Task brief: Pull each line holding the word "Description" from the data.

----------

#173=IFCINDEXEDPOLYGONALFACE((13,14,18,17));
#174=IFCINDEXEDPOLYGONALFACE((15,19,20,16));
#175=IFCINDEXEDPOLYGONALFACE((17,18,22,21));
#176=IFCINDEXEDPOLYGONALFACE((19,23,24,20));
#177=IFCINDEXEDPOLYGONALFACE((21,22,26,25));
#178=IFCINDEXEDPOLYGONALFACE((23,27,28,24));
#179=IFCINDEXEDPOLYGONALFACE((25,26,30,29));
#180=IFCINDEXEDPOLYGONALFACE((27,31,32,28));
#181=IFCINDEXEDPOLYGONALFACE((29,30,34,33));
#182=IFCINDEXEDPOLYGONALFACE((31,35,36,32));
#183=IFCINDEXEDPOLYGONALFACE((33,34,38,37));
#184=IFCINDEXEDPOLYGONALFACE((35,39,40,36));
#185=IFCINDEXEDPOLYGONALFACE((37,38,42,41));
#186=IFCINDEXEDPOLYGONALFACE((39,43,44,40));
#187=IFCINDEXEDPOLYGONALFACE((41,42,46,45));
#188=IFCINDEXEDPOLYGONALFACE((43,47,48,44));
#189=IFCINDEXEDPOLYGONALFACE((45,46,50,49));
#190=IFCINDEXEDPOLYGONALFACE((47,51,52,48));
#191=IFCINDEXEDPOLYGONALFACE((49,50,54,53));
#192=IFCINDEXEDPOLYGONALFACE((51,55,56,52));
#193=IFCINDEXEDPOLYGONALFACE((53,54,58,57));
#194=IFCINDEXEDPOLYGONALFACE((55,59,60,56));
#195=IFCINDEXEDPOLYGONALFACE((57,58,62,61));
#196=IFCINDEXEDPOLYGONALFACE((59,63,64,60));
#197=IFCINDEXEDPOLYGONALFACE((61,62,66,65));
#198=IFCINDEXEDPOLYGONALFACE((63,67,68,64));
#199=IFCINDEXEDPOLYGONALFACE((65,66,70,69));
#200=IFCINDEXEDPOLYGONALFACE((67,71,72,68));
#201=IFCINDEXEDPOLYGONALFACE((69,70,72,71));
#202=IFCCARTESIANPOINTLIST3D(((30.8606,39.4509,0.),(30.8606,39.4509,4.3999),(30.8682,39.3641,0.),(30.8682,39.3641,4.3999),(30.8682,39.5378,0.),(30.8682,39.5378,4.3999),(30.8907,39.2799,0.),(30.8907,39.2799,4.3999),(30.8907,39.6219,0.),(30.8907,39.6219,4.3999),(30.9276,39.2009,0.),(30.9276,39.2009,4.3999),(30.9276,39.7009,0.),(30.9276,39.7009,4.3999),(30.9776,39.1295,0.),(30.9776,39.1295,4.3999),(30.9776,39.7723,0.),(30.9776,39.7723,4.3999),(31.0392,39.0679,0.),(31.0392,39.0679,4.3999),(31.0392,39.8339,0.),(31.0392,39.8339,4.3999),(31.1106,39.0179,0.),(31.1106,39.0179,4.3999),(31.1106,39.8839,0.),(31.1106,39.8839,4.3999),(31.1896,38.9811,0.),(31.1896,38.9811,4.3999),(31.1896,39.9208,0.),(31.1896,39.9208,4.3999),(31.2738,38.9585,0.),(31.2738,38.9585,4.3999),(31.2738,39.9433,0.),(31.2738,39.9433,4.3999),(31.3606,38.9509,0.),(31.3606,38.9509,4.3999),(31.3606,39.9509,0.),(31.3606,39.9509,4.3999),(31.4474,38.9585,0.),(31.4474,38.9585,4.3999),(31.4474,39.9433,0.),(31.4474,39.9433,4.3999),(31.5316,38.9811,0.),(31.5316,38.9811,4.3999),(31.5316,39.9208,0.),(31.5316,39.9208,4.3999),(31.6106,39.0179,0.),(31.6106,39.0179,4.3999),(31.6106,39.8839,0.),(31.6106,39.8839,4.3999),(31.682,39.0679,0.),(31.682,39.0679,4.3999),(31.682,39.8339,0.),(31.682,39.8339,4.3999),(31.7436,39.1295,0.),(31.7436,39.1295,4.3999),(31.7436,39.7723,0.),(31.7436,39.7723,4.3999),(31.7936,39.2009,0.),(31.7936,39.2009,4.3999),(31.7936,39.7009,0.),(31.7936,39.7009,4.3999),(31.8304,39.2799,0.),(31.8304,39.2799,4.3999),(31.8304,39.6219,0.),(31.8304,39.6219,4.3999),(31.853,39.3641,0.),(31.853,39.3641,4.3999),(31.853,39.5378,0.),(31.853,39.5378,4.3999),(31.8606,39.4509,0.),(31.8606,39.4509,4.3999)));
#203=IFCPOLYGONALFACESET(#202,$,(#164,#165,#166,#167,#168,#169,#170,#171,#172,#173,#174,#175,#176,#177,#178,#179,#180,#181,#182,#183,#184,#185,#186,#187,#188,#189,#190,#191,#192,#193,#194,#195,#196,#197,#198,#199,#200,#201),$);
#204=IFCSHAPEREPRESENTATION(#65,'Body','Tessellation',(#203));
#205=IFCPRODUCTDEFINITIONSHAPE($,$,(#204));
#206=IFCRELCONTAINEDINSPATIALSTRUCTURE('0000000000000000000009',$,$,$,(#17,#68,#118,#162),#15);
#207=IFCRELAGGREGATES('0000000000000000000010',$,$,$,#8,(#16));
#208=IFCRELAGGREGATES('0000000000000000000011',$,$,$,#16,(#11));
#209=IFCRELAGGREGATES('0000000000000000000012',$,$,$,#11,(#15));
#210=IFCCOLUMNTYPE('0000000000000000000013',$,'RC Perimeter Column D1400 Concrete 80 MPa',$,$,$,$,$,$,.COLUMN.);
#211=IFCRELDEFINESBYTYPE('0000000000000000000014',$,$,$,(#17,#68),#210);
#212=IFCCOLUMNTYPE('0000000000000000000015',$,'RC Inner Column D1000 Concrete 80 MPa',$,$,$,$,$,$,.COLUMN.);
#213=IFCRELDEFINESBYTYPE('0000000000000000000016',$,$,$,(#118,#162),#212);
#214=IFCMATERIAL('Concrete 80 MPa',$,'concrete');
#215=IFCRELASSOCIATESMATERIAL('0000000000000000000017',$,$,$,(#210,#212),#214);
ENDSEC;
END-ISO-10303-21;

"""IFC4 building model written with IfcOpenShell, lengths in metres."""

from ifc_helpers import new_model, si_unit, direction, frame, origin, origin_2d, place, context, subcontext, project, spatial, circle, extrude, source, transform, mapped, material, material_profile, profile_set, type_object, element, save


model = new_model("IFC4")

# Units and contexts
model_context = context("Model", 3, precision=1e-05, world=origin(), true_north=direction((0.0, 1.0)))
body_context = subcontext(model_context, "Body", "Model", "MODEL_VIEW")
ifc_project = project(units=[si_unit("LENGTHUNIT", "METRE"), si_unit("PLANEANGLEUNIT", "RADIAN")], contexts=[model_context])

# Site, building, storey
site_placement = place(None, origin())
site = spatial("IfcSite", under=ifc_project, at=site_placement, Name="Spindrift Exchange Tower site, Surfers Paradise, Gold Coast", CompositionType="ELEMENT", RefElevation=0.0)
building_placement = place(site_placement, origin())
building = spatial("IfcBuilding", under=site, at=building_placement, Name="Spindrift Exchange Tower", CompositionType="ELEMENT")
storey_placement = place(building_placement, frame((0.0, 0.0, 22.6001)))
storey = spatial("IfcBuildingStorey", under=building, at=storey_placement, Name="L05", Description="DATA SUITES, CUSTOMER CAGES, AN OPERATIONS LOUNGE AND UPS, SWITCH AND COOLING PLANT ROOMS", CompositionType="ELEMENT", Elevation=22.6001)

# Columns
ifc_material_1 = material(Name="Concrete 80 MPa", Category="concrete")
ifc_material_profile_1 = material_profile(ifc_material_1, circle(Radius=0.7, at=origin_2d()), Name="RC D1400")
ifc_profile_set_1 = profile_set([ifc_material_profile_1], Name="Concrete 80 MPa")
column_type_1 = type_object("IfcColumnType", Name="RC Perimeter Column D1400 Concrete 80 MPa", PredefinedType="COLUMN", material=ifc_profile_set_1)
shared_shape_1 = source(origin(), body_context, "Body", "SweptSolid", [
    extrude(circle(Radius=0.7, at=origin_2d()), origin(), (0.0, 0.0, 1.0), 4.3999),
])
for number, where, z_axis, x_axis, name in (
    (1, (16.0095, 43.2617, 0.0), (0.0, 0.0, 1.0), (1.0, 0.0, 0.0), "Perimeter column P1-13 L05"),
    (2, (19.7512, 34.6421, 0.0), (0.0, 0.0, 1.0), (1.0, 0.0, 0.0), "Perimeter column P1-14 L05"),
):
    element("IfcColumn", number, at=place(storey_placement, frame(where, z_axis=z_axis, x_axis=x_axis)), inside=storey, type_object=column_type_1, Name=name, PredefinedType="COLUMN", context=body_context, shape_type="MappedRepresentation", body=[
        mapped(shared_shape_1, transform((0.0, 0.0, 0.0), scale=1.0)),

----------

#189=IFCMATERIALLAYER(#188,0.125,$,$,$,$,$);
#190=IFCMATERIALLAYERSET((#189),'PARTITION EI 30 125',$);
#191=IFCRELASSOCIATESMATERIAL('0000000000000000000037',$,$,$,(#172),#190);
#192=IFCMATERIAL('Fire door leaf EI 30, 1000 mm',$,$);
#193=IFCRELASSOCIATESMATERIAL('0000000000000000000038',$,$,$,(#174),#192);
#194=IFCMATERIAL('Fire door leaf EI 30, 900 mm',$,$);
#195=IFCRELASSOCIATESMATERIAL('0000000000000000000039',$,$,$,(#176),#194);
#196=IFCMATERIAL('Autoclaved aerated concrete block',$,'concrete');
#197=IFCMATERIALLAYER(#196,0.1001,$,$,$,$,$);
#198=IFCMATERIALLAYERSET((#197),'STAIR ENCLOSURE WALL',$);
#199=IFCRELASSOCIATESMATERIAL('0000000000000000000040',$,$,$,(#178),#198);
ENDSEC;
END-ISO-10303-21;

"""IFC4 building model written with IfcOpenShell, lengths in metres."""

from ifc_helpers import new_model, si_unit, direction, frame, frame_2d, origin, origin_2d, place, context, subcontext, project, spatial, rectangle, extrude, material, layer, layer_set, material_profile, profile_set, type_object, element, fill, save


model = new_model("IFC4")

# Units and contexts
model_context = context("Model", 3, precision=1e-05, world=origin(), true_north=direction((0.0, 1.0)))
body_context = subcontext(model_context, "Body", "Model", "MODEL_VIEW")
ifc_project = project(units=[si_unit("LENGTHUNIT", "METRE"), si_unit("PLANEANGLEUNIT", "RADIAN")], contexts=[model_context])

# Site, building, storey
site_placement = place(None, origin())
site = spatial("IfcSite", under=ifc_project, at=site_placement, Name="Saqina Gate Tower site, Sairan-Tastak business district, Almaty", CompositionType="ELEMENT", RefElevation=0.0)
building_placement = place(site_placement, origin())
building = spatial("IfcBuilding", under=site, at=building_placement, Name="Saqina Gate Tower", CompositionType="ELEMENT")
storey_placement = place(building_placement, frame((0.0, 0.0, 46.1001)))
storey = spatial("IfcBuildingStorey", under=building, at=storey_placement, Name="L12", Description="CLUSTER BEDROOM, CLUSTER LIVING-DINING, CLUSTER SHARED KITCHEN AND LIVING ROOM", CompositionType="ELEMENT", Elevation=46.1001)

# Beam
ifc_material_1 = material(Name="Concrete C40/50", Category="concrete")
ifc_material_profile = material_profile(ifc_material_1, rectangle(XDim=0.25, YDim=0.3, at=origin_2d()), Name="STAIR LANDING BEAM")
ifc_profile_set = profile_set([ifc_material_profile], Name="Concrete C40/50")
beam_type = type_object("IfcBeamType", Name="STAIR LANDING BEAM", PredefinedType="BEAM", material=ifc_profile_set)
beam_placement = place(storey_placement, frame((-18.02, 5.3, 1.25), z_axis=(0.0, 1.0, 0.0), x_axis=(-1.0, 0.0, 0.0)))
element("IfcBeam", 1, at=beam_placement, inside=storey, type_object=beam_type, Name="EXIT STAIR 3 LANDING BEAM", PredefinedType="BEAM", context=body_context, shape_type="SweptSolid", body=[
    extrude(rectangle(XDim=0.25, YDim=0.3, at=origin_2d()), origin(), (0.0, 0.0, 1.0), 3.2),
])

----------

Finished exercise:
storey = spatial("IfcBuildingStorey", under=building, at=storey_placement, Name="L05", Description="DATA SUITES, CUSTOMER CAGES, AN OPERATIONS LOUNGE AND UPS, SWITCH AND COOLING PLANT ROOMS", CompositionType="ELEMENT", Elevation=22.6001)
storey = spatial("IfcBuildingStorey", under=building, at=storey_placement, Name="L12", Description="CLUSTER BEDROOM, CLUSTER LIVING-DINING, CLUSTER SHARED KITCHEN AND LIVING ROOM", CompositionType="ELEMENT", Elevation=46.1001)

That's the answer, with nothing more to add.